Work request | Exactly as written, return every line of the data below.

Data for the task |
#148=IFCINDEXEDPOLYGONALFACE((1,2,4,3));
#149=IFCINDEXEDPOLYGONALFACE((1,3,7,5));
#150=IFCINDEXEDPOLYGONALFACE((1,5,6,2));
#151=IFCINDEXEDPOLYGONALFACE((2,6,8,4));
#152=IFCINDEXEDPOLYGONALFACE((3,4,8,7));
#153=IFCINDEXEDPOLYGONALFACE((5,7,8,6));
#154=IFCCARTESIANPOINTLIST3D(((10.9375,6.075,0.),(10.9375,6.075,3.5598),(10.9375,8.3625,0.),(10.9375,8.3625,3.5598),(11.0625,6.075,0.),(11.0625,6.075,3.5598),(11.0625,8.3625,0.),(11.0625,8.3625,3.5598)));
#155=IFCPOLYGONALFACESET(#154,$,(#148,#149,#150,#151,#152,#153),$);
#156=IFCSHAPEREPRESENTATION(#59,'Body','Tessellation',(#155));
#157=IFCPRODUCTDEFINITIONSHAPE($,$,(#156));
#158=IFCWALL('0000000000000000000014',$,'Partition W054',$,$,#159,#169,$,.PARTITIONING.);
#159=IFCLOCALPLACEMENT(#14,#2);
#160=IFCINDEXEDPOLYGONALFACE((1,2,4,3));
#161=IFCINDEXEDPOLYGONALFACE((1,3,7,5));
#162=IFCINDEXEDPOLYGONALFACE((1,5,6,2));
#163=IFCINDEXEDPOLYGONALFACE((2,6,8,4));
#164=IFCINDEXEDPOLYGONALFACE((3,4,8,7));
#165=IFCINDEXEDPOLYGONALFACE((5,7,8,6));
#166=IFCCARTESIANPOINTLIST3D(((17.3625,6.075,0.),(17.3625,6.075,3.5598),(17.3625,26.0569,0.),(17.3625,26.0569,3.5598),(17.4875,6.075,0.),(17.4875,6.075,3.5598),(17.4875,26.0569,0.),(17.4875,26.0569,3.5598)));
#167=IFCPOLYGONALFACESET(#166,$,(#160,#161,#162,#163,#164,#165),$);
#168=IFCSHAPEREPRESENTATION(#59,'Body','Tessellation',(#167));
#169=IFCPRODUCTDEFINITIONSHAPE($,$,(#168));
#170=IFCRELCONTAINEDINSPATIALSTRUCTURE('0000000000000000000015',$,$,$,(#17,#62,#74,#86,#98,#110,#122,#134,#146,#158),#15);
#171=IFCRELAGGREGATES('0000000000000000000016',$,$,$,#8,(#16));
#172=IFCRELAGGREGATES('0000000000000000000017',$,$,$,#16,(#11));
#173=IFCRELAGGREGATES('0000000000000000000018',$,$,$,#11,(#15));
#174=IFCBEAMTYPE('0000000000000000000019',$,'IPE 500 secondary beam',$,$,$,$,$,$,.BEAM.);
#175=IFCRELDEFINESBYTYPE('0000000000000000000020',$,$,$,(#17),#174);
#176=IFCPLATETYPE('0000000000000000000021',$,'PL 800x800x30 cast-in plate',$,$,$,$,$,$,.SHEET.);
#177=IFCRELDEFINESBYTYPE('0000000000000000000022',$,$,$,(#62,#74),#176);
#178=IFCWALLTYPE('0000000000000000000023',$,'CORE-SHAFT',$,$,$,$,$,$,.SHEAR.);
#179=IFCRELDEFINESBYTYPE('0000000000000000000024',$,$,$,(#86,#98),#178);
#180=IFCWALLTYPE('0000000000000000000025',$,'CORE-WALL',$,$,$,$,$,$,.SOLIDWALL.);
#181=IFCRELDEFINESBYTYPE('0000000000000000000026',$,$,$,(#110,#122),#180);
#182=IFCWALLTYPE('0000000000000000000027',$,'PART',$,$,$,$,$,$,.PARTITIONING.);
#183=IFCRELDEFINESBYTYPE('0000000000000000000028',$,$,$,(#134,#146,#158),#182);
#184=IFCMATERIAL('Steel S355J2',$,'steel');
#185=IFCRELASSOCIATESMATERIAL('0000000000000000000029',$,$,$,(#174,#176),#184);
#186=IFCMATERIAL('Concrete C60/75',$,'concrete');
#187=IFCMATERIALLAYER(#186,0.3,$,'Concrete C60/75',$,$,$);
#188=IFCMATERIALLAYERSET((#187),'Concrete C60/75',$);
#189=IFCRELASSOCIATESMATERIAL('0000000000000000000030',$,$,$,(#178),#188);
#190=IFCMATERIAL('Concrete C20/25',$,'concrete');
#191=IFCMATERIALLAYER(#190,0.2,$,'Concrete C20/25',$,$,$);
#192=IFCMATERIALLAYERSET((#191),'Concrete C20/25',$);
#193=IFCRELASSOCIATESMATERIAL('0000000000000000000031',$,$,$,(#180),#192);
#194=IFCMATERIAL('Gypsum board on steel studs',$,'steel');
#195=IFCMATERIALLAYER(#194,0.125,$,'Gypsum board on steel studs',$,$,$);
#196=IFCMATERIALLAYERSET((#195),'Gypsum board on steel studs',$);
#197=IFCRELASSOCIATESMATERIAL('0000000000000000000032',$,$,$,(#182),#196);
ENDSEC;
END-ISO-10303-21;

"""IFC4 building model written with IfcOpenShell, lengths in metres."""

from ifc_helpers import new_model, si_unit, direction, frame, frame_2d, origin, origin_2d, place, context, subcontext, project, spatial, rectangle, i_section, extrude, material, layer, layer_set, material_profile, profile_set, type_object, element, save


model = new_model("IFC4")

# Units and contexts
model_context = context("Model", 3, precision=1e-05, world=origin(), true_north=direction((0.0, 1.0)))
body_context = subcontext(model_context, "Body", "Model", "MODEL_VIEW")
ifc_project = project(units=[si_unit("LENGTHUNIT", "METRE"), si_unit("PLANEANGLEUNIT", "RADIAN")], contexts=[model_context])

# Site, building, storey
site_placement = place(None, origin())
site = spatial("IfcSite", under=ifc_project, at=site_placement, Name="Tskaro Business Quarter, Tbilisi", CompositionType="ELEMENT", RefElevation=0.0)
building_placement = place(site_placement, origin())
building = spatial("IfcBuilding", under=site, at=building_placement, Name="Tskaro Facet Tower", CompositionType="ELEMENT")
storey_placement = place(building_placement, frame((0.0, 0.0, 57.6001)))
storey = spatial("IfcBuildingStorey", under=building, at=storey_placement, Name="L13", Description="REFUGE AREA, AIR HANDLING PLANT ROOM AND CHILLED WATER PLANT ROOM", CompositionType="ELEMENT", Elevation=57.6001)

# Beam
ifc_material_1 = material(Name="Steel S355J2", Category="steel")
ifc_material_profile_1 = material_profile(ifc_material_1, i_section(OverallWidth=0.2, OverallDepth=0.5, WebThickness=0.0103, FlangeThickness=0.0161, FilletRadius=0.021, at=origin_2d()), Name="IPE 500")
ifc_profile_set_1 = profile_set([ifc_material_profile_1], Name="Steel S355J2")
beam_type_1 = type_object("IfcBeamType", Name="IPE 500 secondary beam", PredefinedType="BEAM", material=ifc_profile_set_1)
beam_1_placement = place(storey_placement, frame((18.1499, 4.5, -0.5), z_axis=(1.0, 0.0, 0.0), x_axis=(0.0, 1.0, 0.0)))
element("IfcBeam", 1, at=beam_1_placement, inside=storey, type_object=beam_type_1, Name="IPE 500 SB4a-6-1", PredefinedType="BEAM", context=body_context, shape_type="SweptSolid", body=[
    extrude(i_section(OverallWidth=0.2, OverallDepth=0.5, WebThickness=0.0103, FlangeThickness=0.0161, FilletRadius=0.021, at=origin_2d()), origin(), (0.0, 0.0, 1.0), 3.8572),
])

Answer for this exercise |
#148=IFCINDEXEDPOLYGONALFACE((1,2,4,3));
#149=IFCINDEXEDPOLYGONALFACE((1,3,7,5));
#150=IFCINDEXEDPOLYGONALFACE((1,5,6,2));
#151=IFCINDEXEDPOLYGONALFACE((2,6,8,4));
#152=IFCINDEXEDPOLYGONALFACE((3,4,8,7));
#153=IFCINDEXEDPOLYGONALFACE((5,7,8,6));
#154=IFCCARTESIANPOINTLIST3D(((10.9375,6.075,0.),(10.9375,6.075,3.5598),(10.9375,8.3625,0.),(10.9375,8.3625,3.5598),(11.0625,6.075,0.),(11.0625,6.075,3.5598),(11.0625,8.3625,0.),(11.0625,8.3625,3.5598)));
#155=IFCPOLYGONALFACESET(#154,$,(#148,#149,#150,#151,#152,#153),$);
#156=IFCSHAPEREPRESENTATION(#59,'Body','Tessellation',(#155));
#157=IFCPRODUCTDEFINITIONSHAPE($,$,(#156));
#158=IFCWALL('0000000000000000000014',$,'Partition W054',$,$,#159,#169,$,.PARTITIONING.);
#159=IFCLOCALPLACEMENT(#14,#2);
#160=IFCINDEXEDPOLYGONALFACE((1,2,4,3));
#161=IFCINDEXEDPOLYGONALFACE((1,3,7,5));
#162=IFCINDEXEDPOLYGONALFACE((1,5,6,2));
#163=IFCINDEXEDPOLYGONALFACE((2,6,8,4));
#164=IFCINDEXEDPOLYGONALFACE((3,4,8,7));
#165=IFCINDEXEDPOLYGONALFACE((5,7,8,6));
#166=IFCCARTESIANPOINTLIST3D(((17.3625,6.075,0.),(17.3625,6.075,3.5598),(17.3625,26.0569,0.),(17.3625,26.0569,3.5598),(17.4875,6.075,0.),(17.4875,6.075,3.5598),(17.4875,26.0569,0.),(17.4875,26.0569,3.5598)));
#167=IFCPOLYGONALFACESET(#166,$,(#160,#161,#162,#163,#164,#165),$);
#168=IFCSHAPEREPRESENTATION(#59,'Body','Tessellation',(#167));
#169=IFCPRODUCTDEFINITIONSHAPE($,$,(#168));
#170=IFCRELCONTAINEDINSPATIALSTRUCTURE('0000000000000000000015',$,$,$,(#17,#62,#74,#86,#98,#110,#122,#134,#146,#158),#15);
#171=IFCRELAGGREGATES('0000000000000000000016',$,$,$,#8,(#16));
#172=IFCRELAGGREGATES('0000000000000000000017',$,$,$,#16,(#11));
#173=IFCRELAGGREGATES('0000000000000000000018',$,$,$,#11,(#15));
#174=IFCBEAMTYPE('0000000000000000000019',$,'IPE 500 secondary beam',$,$,$,$,$,$,.BEAM.);
#175=IFCRELDEFINESBYTYPE('0000000000000000000020',$,$,$,(#17),#174);
#176=IFCPLATETYPE('0000000000000000000021',$,'PL 800x800x30 cast-in plate',$,$,$,$,$,$,.SHEET.);
#177=IFCRELDEFINESBYTYPE('0000000000000000000022',$,$,$,(#62,#74),#176);
#178=IFCWALLTYPE('0000000000000000000023',$,'CORE-SHAFT',$,$,$,$,$,$,.SHEAR.);
#179=IFCRELDEFINESBYTYPE('0000000000000000000024',$,$,$,(#86,#98),#178);
#180=IFCWALLTYPE('0000000000000000000025',$,'CORE-WALL',$,$,$,$,$,$,.SOLIDWALL.);
#181=IFCRELDEFINESBYTYPE('0000000000000000000026',$,$,$,(#110,#122),#180);
#182=IFCWALLTYPE('0000000000000000000027',$,'PART',$,$,$,$,$,$,.PARTITIONING.);
#183=IFCRELDEFINESBYTYPE('0000000000000000000028',$,$,$,(#134,#146,#158),#182);
#184=IFCMATERIAL('Steel S355J2',$,'steel');
#185=IFCRELASSOCIATESMATERIAL('0000000000000000000029',$,$,$,(#174,#176),#184);
#186=IFCMATERIAL('Concrete C60/75',$,'concrete');
#187=IFCMATERIALLAYER(#186,0.3,$,'Concrete C60/75',$,$,$);
#188=IFCMATERIALLAYERSET((#187),'Concrete C60/75',$);
#189=IFCRELASSOCIATESMATERIAL('0000000000000000000030',$,$,$,(#178),#188);
#190=IFCMATERIAL('Concrete C20/25',$,'concrete');
#191=IFCMATERIALLAYER(#190,0.2,$,'Concrete C20/25',$,$,$);
#192=IFCMATERIALLAYERSET((#191),'Concrete C20/25',$);
#193=IFCRELASSOCIATESMATERIAL('0000000000000000000031',$,$,$,(#180),#192);
#194=IFCMATERIAL('Gypsum board on steel studs',$,'steel');
#195=IFCMATERIALLAYER(#194,0.125,$,'Gypsum board on steel studs',$,$,$);
#196=IFCMATERIALLAYERSET((#195),'Gypsum board on steel studs',$);
#197=IFCRELASSOCIATESMATERIAL('0000000000000000000032',$,$,$,(#182),#196);
ENDSEC;
END-ISO-10303-21;

"""IFC4 building model written with IfcOpenShell, lengths in metres."""

from ifc_helpers import new_model, si_unit, direction, frame, frame_2d, origin, origin_2d, place, context, subcontext, project, spatial, rectangle, i_section, extrude, material, layer, layer_set, material_profile, profile_set, type_object, element, save


model = new_model("IFC4")

# Units and contexts
model_context = context("Model", 3, precision=1e-05, world=origin(), true_north=direction((0.0, 1.0)))
body_context = subcontext(model_context, "Body", "Model", "MODEL_VIEW")
ifc_project = project(units=[si_unit("LENGTHUNIT", "METRE"), si_unit("PLANEANGLEUNIT", "RADIAN")], contexts=[model_context])

# Site, building, storey
site_placement = place(None, origin())
site = spatial("IfcSite", under=ifc_project, at=site_placement, Name="Tskaro Business Quarter, Tbilisi", CompositionType="ELEMENT", RefElevation=0.0)
building_placement = place(site_placement, origin())
building = spatial("IfcBuilding", under=site, at=building_placement, Name="Tskaro Facet Tower", CompositionType="ELEMENT")
storey_placement = place(building_placement, frame((0.0, 0.0, 57.6001)))
storey = spatial("IfcBuildingStorey", under=building, at=storey_placement, Name="L13", Description="REFUGE AREA, AIR HANDLING PLANT ROOM AND CHILLED WATER PLANT ROOM", CompositionType="ELEMENT", Elevation=57.6001)

# Beam
ifc_material_1 = material(Name="Steel S355J2", Category="steel")
ifc_material_profile_1 = material_profile(ifc_material_1, i_section(OverallWidth=0.2, OverallDepth=0.5, WebThickness=0.0103, FlangeThickness=0.0161, FilletRadius=0.021, at=origin_2d()), Name="IPE 500")
ifc_profile_set_1 = profile_set([ifc_material_profile_1], Name="Steel S355J2")
beam_type_1 = type_object("IfcBeamType", Name="IPE 500 secondary beam", PredefinedType="BEAM", material=ifc_profile_set_1)
beam_1_placement = place(storey_placement, frame((18.1499, 4.5, -0.5), z_axis=(1.0, 0.0, 0.0), x_axis=(0.0, 1.0, 0.0)))
element("IfcBeam", 1, at=beam_1_placement, inside=storey, type_object=beam_type_1, Name="IPE 500 SB4a-6-1", PredefinedType="BEAM", context=body_context, shape_type="SweptSolid", body=[
    extrude(i_section(OverallWidth=0.2, OverallDepth=0.5, WebThickness=0.0103, FlangeThickness=0.0161, FilletRadius=0.021, at=origin_2d()), origin(), (0.0, 0.0, 1.0), 3.8572),
])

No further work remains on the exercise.